__Source material__
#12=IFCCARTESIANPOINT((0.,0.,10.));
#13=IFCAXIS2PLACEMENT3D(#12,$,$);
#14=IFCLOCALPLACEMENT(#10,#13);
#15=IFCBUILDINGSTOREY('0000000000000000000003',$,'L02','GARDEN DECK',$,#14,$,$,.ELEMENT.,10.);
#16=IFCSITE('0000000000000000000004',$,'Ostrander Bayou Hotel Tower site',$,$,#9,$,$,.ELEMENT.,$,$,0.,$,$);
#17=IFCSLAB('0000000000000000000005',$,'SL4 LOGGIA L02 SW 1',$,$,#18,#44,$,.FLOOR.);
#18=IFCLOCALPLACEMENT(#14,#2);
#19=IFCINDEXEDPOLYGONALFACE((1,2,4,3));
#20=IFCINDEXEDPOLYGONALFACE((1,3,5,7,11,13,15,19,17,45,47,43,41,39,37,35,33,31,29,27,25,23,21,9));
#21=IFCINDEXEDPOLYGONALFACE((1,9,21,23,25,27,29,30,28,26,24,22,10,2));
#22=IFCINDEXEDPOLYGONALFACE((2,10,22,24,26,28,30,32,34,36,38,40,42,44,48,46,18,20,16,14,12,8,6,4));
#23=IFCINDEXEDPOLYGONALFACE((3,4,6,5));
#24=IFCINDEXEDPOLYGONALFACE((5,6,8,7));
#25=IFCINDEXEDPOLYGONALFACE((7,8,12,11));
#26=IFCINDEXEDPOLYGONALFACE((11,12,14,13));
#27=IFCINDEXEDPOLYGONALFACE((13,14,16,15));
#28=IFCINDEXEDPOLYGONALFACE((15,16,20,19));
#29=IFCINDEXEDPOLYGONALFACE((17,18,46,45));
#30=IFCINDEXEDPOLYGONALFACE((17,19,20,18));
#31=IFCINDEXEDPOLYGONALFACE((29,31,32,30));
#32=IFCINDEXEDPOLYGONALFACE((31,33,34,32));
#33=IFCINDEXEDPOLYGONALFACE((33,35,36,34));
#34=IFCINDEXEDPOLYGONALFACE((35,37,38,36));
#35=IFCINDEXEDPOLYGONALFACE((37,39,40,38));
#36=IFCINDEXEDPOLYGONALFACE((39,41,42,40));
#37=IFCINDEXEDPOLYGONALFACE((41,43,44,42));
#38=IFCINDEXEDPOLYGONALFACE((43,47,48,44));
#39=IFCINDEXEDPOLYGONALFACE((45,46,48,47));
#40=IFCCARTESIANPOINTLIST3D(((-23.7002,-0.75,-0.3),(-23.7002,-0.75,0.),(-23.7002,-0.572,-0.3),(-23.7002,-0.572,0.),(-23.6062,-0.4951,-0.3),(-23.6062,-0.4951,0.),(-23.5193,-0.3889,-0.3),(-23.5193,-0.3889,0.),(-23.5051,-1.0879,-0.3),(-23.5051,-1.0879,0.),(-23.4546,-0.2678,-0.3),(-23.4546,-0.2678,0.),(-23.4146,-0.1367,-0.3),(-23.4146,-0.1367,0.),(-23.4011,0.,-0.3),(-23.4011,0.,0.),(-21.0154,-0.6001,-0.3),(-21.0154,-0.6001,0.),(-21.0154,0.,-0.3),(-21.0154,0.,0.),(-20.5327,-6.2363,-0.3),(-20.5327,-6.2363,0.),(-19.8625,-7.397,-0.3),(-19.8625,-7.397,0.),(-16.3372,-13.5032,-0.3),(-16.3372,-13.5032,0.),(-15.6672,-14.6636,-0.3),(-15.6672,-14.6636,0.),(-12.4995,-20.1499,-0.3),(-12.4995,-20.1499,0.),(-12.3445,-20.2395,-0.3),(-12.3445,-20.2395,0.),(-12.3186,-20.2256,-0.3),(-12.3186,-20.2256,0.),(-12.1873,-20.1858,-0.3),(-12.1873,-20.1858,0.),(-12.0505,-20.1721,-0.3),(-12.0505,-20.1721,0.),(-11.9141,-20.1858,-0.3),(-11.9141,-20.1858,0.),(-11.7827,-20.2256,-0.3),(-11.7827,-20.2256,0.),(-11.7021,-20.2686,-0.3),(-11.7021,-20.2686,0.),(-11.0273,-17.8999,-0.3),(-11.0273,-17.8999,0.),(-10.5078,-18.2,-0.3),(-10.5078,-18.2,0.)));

__What the task requires__
Checking the material above line by line, count those that include the string "ELEMENT". Give the number alone.

__Exercise output__
2